Read through the listing below, and copy every line where the string "frame" appears.

RECORDS FOR THIS TASK
☆ ☆ ☆ ☆ ☆
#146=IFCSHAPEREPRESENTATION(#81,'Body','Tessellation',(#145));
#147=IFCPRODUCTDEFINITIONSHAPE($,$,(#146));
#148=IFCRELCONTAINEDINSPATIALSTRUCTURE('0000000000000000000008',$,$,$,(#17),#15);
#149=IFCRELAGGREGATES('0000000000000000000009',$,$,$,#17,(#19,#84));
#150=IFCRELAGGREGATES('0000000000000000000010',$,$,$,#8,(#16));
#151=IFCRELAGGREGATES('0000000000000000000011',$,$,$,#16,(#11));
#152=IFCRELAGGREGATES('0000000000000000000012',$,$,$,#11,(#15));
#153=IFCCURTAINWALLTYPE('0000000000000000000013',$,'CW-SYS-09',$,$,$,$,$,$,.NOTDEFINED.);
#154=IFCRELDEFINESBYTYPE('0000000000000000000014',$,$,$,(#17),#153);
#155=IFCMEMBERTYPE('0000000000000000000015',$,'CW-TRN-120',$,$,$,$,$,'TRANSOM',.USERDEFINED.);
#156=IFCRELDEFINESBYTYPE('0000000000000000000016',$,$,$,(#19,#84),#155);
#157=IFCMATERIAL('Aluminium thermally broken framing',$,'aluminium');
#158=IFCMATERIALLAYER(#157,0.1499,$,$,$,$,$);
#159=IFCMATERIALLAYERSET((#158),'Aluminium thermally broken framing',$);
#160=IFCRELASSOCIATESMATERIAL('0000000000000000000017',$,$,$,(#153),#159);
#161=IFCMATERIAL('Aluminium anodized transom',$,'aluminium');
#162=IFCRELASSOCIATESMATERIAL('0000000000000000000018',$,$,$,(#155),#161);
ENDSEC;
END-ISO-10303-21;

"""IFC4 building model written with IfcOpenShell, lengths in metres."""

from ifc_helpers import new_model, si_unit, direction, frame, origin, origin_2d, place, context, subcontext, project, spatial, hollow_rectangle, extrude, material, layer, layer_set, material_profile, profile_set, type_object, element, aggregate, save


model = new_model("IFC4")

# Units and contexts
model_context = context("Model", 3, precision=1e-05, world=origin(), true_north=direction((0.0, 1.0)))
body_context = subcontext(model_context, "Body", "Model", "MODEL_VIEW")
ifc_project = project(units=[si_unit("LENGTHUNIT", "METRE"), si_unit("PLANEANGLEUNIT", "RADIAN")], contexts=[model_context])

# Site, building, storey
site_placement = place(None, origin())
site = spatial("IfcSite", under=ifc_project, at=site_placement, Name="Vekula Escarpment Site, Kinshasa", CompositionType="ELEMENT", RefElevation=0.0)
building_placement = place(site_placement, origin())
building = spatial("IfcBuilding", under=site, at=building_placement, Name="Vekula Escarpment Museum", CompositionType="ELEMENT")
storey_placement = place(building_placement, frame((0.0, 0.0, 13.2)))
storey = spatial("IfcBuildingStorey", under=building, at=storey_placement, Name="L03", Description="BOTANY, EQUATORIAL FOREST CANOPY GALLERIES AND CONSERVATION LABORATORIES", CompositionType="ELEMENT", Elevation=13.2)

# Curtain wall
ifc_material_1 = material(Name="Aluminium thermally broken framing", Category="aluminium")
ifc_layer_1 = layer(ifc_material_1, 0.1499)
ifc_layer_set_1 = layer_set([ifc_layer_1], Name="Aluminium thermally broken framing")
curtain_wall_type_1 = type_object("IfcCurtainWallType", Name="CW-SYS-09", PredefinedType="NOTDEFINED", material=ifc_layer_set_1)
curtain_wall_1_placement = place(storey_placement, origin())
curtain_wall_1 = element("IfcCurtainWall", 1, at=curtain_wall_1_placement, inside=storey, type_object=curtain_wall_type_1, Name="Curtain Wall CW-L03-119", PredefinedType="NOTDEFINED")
☆ ☆ ☆ ☆ ☆
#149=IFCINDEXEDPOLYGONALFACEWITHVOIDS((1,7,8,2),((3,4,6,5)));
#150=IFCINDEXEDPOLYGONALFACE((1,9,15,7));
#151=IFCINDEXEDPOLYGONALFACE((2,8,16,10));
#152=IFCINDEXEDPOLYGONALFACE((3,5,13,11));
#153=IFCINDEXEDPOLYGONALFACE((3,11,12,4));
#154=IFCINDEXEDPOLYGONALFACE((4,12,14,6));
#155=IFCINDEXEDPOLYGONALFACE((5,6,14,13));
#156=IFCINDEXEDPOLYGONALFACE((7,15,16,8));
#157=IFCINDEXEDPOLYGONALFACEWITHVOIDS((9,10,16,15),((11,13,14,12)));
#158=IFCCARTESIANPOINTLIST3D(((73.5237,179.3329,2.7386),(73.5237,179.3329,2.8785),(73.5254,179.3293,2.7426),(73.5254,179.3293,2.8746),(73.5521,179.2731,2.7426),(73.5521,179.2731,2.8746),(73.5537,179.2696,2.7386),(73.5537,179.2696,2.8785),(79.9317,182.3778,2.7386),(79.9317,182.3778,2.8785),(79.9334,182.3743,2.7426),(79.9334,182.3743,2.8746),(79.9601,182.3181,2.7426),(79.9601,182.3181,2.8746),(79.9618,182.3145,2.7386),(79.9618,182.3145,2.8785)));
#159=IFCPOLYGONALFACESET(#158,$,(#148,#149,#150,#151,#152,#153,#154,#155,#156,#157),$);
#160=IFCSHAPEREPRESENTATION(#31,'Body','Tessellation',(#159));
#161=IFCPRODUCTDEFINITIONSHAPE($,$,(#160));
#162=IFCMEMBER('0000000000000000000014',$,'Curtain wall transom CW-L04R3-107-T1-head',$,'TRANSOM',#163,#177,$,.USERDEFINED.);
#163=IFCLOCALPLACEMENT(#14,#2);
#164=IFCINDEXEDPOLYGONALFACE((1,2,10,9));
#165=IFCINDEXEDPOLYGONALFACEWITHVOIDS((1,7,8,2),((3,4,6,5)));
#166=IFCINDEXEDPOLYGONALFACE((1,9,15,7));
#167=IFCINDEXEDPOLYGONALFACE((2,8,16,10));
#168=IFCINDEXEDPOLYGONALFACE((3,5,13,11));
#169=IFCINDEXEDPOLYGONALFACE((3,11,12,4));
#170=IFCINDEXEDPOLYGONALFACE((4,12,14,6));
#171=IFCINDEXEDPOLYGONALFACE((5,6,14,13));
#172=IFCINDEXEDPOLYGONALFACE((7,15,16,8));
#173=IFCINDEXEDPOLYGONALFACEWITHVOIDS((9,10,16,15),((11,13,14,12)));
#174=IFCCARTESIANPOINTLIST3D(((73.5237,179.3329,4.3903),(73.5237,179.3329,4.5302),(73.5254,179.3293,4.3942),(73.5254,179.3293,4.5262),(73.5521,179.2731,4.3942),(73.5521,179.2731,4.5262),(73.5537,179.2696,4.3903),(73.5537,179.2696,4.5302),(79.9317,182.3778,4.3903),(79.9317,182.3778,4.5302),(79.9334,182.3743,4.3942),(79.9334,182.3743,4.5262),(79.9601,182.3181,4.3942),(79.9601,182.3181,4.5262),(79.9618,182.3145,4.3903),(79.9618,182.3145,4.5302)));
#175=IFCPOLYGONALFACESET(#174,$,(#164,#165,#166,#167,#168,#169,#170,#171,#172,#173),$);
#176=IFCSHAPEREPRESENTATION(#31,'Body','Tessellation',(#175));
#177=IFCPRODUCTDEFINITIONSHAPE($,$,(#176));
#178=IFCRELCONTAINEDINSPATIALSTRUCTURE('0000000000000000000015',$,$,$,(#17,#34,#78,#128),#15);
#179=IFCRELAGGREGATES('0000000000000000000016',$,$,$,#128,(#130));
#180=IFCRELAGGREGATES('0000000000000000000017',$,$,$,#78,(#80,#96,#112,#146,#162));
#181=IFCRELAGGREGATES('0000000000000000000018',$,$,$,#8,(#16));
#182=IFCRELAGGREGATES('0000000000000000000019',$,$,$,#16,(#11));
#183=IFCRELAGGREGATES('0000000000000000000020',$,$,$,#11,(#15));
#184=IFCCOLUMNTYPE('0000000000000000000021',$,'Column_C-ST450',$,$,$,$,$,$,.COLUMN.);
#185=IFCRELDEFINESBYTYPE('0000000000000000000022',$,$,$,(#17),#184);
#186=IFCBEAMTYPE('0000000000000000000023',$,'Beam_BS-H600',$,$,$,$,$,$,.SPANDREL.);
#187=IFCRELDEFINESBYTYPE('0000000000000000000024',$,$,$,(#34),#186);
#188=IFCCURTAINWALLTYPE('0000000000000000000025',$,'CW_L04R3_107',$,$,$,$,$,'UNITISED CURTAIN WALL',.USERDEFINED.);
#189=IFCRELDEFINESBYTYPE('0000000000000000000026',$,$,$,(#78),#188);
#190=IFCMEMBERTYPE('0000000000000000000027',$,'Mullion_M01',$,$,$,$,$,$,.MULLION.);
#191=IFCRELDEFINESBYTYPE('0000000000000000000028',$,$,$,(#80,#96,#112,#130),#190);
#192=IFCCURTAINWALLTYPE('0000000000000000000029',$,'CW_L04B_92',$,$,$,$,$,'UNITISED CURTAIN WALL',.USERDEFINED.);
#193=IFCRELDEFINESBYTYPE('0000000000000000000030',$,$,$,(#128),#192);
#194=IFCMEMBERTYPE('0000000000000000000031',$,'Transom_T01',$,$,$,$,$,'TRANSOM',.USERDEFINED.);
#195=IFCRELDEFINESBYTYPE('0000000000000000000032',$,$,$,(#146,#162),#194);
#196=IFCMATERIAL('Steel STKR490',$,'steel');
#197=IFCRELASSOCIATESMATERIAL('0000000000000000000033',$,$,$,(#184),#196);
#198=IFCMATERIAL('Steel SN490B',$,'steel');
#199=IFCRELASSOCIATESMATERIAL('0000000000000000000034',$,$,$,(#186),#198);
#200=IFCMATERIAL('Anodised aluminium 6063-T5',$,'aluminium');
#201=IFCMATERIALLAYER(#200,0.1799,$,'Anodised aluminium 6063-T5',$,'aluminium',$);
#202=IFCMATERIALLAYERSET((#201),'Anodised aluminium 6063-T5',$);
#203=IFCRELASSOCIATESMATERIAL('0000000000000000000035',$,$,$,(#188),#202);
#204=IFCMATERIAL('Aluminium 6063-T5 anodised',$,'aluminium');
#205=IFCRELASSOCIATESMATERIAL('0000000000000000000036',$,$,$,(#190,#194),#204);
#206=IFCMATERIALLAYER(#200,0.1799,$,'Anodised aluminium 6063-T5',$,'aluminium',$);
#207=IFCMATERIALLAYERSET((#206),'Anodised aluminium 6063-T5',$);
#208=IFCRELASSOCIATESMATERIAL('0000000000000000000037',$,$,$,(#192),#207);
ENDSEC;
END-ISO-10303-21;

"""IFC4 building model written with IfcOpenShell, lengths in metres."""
☆ ☆ ☆ ☆ ☆
ANSWER TO THE EXERCISE
from ifc_helpers import new_model, si_unit, direction, frame, origin, origin_2d, place, context, subcontext, project, spatial, hollow_rectangle, extrude, material, layer, layer_set, material_profile, profile_set, type_object, element, aggregate, save
storey_placement = place(building_placement, frame((0.0, 0.0, 13.2)))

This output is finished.